Instructions to follow | Scan the listing below for the string "OverallDepth" and copy each line where it turns up.
──────── Exercise material
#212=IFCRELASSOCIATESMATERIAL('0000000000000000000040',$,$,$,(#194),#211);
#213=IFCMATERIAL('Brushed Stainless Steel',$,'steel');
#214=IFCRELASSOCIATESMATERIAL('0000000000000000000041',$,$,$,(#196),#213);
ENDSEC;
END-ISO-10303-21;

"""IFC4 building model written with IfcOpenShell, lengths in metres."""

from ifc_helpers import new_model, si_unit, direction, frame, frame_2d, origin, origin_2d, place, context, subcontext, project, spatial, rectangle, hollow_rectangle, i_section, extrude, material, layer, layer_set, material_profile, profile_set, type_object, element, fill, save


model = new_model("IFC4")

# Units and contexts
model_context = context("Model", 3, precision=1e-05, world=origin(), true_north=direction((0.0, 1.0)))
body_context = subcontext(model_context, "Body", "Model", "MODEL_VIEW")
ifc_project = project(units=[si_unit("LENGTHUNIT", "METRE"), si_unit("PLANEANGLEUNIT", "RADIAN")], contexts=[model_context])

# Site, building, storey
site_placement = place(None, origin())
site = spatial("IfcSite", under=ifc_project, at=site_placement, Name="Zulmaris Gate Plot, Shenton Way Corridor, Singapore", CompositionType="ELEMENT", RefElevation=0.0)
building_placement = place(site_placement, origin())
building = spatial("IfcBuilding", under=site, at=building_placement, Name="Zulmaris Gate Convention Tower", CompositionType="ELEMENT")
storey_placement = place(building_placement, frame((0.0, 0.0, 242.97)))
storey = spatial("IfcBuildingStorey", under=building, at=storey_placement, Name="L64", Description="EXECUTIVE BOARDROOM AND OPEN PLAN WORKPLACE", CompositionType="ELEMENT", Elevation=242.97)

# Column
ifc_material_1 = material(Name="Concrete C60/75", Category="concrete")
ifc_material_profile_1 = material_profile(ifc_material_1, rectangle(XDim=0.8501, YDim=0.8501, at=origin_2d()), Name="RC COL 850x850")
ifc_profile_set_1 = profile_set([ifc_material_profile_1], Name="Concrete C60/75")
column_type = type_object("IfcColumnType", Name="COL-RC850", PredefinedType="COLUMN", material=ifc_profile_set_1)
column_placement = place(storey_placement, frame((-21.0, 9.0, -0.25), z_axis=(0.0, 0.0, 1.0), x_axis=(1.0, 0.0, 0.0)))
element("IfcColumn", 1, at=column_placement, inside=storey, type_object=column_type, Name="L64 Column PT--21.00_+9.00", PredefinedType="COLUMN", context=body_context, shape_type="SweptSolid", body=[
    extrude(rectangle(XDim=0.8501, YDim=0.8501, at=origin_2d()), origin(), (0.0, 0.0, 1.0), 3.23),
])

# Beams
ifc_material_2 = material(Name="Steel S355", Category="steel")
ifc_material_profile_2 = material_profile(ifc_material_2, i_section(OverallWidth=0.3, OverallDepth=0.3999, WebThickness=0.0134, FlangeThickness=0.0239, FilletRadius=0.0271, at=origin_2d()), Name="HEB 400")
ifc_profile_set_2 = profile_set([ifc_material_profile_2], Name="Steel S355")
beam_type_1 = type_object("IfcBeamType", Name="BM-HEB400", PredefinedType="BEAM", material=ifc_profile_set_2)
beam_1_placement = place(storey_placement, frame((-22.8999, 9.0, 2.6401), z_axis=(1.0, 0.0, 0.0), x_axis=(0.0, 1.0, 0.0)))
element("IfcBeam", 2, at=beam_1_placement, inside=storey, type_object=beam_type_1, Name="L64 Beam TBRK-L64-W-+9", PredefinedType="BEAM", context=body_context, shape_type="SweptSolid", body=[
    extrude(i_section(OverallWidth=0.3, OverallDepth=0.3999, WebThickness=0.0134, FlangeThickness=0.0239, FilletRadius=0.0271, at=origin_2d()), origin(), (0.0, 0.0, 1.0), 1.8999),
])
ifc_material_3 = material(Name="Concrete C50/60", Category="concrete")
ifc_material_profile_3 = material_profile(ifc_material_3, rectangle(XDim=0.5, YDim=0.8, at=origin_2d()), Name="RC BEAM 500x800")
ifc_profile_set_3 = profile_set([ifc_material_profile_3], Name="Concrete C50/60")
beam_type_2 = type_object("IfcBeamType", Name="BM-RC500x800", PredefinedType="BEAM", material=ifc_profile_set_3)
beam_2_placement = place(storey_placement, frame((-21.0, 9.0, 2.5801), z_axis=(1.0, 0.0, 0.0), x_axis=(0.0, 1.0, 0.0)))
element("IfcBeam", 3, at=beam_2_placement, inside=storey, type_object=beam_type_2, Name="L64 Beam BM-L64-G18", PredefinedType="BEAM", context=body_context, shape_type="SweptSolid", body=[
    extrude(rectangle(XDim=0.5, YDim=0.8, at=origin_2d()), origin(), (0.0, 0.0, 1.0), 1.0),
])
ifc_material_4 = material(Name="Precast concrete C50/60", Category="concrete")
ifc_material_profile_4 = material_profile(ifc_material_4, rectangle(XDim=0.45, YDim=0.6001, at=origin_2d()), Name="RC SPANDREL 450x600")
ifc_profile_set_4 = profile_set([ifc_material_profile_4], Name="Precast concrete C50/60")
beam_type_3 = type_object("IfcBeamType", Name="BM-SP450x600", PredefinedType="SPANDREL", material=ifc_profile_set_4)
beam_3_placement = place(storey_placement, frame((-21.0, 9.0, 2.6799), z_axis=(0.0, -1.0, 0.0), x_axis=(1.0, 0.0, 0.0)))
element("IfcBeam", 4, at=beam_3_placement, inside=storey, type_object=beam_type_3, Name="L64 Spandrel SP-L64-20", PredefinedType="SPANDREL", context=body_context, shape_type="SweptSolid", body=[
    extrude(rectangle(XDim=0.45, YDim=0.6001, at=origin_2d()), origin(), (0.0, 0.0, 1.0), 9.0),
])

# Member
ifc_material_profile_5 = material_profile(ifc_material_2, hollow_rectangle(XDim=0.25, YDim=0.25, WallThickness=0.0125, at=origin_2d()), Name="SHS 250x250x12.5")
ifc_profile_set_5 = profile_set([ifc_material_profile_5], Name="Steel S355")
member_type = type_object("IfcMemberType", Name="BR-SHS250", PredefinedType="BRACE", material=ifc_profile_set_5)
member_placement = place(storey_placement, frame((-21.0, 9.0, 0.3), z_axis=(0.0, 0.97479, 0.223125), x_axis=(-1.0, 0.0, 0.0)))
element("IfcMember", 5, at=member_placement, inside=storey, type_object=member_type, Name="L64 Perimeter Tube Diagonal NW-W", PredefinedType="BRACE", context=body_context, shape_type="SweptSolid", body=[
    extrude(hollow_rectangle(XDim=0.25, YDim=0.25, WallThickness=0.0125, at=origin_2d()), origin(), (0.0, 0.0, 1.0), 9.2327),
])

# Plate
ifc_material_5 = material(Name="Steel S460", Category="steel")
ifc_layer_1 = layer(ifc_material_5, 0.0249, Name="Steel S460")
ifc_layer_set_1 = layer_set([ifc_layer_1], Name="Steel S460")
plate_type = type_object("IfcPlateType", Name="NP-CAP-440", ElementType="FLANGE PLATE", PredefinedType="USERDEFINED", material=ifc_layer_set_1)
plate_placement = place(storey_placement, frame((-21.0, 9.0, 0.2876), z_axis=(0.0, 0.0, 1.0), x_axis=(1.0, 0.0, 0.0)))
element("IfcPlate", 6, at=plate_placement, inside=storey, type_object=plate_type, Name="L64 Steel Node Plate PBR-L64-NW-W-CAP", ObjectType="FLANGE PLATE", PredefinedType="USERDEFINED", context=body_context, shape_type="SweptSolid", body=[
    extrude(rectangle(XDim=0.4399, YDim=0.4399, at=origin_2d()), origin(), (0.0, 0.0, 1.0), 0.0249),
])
────────────────
Task solution |
ifc_material_profile_2 = material_profile(ifc_material_2, i_section(OverallWidth=0.3, OverallDepth=0.3999, WebThickness=0.0134, FlangeThickness=0.0239, FilletRadius=0.0271, at=origin_2d()), Name="HEB 400")
    extrude(i_section(OverallWidth=0.3, OverallDepth=0.3999, WebThickness=0.0134, FlangeThickness=0.0239, FilletRadius=0.0271, at=origin_2d()), origin(), (0.0, 0.0, 1.0), 1.8999),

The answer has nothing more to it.